_What you have to do_. Search the records below for the word "aluminium". Copy each line where it occurs.

=== Section Start ===

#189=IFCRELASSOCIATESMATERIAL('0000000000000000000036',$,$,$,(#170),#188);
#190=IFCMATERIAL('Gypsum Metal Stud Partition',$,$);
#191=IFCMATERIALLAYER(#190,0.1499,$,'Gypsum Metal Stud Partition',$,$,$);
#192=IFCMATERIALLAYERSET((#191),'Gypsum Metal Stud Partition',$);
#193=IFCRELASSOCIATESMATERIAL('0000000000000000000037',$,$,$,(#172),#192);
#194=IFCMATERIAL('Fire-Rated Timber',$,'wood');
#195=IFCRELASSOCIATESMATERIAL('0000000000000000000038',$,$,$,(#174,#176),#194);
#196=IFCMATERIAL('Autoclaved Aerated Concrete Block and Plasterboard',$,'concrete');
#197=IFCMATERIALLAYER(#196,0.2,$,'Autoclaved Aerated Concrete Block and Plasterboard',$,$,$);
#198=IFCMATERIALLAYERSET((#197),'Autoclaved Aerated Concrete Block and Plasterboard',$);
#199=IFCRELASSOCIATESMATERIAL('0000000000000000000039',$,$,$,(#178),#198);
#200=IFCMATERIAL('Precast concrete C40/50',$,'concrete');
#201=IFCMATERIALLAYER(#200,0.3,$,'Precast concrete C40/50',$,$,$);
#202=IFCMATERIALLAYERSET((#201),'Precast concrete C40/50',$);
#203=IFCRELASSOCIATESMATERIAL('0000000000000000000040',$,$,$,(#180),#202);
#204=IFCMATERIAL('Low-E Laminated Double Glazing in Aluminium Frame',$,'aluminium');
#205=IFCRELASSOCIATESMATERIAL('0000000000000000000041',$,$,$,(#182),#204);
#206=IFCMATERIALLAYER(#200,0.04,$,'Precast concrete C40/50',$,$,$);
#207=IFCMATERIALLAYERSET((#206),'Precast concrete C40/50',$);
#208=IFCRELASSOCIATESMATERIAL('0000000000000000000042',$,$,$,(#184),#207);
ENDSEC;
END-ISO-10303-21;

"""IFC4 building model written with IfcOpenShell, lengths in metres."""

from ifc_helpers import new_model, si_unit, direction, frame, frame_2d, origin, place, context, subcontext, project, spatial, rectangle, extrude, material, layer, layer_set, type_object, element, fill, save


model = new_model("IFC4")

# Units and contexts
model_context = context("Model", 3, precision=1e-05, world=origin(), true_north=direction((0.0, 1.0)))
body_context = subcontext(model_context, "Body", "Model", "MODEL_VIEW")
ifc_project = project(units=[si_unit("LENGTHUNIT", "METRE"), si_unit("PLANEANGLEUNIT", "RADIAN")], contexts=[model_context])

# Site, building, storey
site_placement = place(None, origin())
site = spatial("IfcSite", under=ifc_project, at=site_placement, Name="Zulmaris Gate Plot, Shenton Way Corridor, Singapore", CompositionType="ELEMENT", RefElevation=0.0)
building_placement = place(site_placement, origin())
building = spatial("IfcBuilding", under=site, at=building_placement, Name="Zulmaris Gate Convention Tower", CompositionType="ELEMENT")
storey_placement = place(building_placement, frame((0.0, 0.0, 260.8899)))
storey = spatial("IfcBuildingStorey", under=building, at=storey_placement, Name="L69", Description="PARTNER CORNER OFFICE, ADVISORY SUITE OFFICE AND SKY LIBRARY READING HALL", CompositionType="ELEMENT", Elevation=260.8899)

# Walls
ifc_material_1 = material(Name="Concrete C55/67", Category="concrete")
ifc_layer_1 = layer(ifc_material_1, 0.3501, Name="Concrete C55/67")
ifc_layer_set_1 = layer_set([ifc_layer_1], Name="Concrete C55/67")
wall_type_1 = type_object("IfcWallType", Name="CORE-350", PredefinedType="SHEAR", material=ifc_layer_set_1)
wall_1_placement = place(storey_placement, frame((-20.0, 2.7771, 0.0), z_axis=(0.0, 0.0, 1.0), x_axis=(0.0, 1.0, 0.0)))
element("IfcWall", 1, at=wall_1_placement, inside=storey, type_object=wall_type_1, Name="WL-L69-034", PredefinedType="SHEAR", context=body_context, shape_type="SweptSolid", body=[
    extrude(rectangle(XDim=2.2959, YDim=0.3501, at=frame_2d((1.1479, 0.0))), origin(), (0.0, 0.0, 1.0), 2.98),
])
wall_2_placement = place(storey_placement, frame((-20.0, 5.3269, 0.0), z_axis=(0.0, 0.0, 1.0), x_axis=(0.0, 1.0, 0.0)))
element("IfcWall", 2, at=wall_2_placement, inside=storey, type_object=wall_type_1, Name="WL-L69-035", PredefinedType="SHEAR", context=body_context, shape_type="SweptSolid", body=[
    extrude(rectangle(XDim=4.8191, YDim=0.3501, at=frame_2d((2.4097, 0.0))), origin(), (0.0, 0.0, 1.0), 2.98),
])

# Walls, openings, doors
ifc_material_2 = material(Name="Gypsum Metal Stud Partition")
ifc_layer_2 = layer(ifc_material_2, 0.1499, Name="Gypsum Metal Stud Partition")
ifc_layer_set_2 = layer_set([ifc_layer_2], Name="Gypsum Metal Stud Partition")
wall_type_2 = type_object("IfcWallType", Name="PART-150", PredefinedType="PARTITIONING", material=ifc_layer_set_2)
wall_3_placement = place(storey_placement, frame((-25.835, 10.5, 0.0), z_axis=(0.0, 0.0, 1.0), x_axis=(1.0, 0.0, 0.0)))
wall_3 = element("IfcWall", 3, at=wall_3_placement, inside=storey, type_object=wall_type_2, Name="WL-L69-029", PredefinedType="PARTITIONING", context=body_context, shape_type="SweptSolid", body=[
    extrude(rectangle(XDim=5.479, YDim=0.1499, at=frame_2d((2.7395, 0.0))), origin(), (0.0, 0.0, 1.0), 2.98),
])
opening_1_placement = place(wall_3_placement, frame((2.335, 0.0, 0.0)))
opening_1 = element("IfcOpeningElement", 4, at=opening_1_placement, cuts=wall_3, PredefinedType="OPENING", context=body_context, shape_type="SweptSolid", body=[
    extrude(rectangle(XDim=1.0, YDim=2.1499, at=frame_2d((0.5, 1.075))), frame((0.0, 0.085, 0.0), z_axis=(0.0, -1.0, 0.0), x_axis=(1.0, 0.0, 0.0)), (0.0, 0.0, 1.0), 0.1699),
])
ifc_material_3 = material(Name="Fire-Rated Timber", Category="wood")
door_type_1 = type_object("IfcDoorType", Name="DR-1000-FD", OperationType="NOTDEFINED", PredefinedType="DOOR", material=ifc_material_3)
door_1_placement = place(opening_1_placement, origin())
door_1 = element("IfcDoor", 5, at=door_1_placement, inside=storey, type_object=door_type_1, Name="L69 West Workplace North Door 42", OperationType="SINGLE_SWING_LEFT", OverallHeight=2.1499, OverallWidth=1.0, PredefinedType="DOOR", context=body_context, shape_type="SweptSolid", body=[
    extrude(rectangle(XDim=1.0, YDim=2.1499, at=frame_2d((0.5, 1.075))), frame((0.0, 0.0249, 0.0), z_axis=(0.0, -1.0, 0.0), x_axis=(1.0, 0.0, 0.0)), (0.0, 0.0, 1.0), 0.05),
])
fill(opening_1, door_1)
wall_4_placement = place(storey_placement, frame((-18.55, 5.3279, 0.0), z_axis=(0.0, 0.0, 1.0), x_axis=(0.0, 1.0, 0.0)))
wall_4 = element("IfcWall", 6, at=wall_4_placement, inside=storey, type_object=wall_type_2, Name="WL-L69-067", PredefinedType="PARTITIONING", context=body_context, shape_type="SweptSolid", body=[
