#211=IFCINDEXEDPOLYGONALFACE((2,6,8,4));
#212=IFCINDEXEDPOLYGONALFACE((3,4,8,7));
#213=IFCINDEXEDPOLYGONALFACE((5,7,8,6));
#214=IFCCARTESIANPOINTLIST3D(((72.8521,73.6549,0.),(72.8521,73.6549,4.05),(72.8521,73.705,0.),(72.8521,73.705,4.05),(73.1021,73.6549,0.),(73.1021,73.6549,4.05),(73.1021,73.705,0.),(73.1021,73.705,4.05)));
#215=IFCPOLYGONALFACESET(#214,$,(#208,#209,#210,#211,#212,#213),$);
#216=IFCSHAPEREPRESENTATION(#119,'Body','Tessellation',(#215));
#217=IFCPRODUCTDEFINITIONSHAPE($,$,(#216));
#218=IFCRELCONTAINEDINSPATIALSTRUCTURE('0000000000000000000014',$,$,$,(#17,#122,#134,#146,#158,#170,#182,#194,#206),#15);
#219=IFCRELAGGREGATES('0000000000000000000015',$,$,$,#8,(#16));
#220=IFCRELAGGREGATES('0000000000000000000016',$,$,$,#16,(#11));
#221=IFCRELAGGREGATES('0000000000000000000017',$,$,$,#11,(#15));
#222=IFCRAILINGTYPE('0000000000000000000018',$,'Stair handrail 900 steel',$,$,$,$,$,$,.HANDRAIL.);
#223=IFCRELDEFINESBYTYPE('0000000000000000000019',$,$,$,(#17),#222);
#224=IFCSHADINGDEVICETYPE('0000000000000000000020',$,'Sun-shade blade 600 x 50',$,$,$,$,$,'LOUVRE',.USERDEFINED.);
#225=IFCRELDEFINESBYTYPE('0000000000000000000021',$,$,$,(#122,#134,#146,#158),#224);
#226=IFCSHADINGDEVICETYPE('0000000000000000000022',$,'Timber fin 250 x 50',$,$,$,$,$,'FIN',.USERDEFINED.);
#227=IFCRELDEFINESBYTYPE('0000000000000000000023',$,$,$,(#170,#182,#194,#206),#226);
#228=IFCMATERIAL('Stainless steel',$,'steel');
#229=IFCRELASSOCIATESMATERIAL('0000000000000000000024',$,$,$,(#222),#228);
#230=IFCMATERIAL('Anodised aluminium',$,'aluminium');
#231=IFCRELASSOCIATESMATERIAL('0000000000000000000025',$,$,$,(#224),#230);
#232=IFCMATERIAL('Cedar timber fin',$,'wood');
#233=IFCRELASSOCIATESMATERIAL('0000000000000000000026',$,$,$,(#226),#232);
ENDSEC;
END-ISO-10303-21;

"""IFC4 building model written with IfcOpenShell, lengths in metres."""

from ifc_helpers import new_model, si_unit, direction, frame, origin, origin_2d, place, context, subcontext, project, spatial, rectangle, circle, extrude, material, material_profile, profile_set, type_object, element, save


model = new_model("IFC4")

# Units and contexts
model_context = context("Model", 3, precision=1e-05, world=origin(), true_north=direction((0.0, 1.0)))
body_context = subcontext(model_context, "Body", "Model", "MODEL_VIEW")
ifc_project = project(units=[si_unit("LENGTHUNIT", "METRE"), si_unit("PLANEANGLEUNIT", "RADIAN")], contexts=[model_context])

=== Section End ===

_Answer for the task_.
#204=IFCMATERIAL('Low-E Laminated Double Glazing in Aluminium Frame',$,'aluminium');
#230=IFCMATERIAL('Anodised aluminium',$,'aluminium');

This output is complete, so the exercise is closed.